Task item: Reproduce exactly the lines below from the one containing "#130=IFCINDEXEDPOLYGONALFACE((1,5,6,2));" through the one containing "#137=IFCPRODUCTDEFINITIONSHAPE($,$,(#136));", including both, and nothing else.

-.-.-

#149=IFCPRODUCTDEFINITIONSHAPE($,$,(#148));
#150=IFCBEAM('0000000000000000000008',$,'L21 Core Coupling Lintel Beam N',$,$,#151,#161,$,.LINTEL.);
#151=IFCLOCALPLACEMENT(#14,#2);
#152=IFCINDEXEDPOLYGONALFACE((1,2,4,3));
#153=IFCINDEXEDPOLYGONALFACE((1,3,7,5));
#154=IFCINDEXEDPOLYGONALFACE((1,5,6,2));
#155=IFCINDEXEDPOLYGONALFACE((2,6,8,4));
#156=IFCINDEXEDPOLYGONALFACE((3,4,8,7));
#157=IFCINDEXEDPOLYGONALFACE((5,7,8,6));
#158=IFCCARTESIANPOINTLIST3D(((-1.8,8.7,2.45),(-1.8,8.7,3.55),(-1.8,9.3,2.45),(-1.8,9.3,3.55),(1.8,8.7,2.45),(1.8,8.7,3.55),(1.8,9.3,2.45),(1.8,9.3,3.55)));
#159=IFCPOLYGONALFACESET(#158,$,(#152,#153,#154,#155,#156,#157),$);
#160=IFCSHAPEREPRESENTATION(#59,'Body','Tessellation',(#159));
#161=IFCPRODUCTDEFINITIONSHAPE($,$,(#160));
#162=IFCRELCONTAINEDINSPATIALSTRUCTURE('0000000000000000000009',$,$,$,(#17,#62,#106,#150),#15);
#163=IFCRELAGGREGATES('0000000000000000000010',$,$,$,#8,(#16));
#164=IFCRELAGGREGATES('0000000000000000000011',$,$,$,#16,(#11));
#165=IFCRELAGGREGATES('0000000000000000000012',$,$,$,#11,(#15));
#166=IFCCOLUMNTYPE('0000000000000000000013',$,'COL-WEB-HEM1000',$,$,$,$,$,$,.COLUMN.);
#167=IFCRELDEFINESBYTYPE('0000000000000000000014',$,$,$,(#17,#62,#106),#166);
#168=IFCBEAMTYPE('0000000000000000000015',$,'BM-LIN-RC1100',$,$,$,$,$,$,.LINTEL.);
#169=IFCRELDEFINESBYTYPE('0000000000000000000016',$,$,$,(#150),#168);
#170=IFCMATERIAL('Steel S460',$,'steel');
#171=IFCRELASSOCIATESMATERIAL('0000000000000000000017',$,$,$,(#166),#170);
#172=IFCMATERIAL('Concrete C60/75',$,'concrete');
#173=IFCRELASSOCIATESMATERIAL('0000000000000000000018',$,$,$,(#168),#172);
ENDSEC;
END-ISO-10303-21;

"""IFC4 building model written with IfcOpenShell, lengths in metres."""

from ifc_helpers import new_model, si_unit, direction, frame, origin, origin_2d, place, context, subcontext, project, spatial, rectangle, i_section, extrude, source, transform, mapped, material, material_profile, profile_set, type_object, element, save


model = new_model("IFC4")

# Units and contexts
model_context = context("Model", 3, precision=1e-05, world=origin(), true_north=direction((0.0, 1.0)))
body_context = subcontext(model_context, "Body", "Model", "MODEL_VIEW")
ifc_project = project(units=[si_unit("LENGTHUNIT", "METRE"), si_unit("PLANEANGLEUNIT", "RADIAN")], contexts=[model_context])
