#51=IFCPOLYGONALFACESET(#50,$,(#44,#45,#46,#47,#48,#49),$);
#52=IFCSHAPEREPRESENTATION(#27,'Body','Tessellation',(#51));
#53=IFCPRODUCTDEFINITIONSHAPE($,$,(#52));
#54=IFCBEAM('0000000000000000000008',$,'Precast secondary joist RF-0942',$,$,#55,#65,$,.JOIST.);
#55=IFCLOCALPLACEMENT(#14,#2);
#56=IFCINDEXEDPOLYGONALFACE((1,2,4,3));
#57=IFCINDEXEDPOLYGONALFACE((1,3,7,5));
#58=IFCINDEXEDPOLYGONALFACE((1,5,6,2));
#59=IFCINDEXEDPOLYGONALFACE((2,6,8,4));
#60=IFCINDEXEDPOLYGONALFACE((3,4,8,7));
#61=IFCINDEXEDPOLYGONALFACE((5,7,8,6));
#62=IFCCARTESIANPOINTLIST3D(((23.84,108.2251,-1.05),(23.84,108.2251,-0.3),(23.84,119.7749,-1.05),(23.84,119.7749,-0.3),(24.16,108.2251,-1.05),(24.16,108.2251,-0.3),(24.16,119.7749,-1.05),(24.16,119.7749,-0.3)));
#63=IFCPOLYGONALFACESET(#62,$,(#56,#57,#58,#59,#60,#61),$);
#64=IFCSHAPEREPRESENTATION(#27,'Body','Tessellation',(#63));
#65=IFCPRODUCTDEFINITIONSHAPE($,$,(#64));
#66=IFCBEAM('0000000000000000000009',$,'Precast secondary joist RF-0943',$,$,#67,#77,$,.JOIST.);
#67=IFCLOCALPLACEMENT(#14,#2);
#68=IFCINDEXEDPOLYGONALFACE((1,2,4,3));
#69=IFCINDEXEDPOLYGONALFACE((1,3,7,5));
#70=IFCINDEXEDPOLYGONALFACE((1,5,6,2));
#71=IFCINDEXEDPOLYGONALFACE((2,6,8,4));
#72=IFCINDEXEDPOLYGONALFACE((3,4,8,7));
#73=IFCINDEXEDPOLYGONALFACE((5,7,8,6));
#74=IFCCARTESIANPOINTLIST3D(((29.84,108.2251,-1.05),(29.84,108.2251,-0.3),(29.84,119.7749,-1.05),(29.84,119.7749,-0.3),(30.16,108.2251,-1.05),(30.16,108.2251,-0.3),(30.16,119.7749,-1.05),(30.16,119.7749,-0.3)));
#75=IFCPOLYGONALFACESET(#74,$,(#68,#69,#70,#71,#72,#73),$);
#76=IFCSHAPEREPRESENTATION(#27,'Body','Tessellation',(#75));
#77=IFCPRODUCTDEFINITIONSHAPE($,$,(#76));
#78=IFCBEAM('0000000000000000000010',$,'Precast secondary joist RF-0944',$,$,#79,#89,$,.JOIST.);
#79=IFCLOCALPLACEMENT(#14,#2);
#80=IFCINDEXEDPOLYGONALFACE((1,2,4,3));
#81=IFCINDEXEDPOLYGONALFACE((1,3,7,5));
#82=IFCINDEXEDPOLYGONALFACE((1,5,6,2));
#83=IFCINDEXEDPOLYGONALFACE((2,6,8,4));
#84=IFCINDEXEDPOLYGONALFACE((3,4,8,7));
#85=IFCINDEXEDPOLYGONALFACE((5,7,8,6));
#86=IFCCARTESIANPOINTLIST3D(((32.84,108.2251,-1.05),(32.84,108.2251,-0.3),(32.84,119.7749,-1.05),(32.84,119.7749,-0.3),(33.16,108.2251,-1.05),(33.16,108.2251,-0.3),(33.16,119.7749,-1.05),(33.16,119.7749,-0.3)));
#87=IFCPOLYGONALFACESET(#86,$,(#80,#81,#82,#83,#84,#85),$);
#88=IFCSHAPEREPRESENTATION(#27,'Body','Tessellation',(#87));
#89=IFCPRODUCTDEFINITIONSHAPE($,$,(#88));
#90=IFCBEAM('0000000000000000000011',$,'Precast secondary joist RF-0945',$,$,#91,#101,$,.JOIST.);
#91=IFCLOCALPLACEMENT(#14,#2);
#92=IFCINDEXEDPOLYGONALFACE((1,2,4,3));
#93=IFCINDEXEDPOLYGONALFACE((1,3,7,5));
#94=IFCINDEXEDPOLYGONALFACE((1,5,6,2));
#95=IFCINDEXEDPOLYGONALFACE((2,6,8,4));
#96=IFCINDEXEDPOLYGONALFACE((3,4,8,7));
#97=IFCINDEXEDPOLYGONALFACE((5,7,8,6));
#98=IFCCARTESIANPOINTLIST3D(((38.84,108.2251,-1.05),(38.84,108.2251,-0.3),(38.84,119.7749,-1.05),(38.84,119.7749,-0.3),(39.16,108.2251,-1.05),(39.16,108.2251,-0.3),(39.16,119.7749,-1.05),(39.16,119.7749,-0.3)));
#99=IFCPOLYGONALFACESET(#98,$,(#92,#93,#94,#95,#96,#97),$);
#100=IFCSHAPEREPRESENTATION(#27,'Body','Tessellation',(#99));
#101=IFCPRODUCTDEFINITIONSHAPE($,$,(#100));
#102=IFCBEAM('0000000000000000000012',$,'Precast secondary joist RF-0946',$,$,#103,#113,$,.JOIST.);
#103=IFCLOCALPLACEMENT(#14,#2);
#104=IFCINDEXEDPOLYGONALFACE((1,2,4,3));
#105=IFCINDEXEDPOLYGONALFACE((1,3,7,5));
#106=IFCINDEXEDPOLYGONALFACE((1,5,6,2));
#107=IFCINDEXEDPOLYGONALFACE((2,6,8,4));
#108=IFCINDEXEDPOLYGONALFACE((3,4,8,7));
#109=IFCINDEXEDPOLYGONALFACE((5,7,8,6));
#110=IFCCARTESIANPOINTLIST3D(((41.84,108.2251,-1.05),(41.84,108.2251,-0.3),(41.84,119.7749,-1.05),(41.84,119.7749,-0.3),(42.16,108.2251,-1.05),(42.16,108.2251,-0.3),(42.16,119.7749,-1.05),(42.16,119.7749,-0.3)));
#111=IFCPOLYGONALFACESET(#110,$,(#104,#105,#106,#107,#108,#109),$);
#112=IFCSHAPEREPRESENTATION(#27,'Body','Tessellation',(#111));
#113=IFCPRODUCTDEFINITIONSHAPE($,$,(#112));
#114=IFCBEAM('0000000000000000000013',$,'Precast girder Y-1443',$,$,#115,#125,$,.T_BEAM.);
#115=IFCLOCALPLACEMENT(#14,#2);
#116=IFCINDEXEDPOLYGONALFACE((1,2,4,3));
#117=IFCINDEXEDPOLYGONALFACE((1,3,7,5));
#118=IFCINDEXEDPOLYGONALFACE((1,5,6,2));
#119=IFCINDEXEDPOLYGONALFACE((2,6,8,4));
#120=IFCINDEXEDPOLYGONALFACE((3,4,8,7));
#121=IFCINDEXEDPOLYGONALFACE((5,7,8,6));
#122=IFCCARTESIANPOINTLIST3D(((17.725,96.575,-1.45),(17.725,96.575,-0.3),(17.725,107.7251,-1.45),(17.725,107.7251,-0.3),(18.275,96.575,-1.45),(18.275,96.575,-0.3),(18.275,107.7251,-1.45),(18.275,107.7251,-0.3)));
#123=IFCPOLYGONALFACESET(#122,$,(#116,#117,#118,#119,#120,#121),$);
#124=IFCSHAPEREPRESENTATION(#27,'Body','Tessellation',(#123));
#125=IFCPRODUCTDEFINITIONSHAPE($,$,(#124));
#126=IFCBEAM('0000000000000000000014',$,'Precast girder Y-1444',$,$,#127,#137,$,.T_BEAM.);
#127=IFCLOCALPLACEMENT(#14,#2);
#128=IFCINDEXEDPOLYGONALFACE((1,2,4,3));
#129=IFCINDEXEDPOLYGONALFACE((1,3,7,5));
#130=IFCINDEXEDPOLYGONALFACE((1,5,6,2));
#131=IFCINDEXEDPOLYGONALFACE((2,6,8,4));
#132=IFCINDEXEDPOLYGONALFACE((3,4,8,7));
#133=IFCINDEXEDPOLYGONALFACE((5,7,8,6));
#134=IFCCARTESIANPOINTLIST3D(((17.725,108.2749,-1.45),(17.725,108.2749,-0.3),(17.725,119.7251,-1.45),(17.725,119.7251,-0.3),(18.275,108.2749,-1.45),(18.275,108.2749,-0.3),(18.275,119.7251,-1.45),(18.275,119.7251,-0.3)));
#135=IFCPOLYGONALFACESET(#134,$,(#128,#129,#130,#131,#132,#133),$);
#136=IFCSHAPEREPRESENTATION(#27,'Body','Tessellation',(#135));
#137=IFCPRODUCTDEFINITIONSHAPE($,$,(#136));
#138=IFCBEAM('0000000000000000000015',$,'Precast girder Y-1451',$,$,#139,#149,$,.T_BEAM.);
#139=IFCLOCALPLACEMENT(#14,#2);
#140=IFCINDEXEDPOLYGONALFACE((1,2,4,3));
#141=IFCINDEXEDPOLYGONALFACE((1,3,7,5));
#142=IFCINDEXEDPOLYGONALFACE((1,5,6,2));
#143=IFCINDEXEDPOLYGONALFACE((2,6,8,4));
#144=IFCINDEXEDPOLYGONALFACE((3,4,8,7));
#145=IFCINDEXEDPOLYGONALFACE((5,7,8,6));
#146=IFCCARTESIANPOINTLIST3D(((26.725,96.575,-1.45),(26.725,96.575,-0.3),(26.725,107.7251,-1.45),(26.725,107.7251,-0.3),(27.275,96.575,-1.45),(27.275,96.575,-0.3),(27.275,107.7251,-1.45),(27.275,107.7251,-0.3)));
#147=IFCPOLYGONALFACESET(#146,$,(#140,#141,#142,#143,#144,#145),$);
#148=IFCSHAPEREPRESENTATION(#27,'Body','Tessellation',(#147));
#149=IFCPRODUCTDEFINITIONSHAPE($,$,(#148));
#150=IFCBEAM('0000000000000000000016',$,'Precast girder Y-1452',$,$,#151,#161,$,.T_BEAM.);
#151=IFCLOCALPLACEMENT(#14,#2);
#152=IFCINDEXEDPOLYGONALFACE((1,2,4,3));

-.-.-

Answer to this task:
#130=IFCINDEXEDPOLYGONALFACE((1,5,6,2));
#131=IFCINDEXEDPOLYGONALFACE((2,6,8,4));
#132=IFCINDEXEDPOLYGONALFACE((3,4,8,7));
#133=IFCINDEXEDPOLYGONALFACE((5,7,8,6));
#134=IFCCARTESIANPOINTLIST3D(((17.725,108.2749,-1.45),(17.725,108.2749,-0.3),(17.725,119.7251,-1.45),(17.725,119.7251,-0.3),(18.275,108.2749,-1.45),(18.275,108.2749,-0.3),(18.275,119.7251,-1.45),(18.275,119.7251,-0.3)));
#135=IFCPOLYGONALFACESET(#134,$,(#128,#129,#130,#131,#132,#133),$);
#136=IFCSHAPEREPRESENTATION(#27,'Body','Tessellation',(#135));
#137=IFCPRODUCTDEFINITIONSHAPE($,$,(#136));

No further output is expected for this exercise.